# [Material shown]
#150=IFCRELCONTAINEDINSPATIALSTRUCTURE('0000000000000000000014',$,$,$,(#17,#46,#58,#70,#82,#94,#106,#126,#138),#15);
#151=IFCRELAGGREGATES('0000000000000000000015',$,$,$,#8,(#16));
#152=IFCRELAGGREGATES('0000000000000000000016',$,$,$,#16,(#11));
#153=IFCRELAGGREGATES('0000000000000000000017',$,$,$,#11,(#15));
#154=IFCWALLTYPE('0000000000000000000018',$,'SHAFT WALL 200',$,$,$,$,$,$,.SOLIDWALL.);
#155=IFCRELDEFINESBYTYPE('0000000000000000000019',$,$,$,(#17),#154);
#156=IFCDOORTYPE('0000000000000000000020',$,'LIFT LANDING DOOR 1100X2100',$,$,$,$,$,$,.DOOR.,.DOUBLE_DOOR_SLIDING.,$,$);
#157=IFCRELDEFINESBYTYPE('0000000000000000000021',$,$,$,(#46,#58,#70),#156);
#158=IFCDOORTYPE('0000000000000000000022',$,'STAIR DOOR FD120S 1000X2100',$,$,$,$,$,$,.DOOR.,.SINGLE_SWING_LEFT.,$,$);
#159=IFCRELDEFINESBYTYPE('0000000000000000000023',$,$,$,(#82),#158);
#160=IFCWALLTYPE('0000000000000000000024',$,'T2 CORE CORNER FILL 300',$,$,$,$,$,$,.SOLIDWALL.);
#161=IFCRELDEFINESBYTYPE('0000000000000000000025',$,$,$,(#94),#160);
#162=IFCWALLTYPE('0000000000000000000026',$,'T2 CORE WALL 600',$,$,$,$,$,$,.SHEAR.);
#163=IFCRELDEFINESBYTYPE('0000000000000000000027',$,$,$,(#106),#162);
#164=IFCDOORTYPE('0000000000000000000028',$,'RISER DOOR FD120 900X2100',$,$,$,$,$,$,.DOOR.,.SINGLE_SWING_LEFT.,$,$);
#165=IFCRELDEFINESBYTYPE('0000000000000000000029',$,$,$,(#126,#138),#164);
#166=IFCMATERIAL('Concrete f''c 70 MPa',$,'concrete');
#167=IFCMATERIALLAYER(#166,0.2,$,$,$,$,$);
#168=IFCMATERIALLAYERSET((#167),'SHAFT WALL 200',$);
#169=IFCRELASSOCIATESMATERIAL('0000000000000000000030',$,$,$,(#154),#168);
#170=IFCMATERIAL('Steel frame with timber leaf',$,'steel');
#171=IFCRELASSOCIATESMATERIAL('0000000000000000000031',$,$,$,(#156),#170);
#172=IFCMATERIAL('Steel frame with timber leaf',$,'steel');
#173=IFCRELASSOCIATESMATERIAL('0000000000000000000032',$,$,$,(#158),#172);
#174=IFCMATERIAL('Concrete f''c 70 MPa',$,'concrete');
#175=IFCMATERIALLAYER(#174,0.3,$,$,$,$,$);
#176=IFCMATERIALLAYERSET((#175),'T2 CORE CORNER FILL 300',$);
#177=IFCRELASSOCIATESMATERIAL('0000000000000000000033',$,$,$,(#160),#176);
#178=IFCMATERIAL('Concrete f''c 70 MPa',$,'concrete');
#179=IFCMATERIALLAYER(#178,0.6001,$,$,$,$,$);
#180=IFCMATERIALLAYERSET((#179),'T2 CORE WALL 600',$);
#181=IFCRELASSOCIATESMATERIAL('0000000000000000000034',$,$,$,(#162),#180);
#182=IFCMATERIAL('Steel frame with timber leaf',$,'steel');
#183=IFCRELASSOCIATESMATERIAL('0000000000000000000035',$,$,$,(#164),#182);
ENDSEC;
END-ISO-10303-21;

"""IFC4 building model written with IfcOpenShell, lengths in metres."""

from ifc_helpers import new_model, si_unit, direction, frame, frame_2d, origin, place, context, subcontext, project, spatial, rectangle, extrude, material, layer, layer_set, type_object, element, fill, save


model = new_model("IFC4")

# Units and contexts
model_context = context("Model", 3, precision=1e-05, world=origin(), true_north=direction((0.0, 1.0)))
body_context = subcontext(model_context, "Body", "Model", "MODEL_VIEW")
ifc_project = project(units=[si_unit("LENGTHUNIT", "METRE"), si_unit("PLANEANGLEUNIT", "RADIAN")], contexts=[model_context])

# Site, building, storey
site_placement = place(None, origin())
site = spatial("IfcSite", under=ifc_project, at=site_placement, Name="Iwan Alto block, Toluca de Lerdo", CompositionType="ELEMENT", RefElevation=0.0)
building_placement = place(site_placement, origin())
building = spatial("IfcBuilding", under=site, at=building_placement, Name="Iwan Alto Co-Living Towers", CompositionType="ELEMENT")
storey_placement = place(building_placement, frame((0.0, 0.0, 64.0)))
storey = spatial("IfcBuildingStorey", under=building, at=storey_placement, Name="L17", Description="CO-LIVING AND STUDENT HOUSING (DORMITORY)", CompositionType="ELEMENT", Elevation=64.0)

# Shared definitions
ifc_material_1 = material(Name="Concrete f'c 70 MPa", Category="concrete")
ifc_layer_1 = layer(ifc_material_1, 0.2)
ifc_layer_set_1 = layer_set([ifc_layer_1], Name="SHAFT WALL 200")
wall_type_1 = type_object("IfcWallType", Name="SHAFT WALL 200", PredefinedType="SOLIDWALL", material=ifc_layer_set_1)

# [The problem]
Each line of the entries holding the string "Concrete" should be found and copied.

# [Task output]
#166=IFCMATERIAL('Concrete f''c 70 MPa',$,'concrete');
#174=IFCMATERIAL('Concrete f''c 70 MPa',$,'concrete');
#178=IFCMATERIAL('Concrete f''c 70 MPa',$,'concrete');
ifc_material_1 = material(Name="Concrete f'c 70 MPa", Category="concrete")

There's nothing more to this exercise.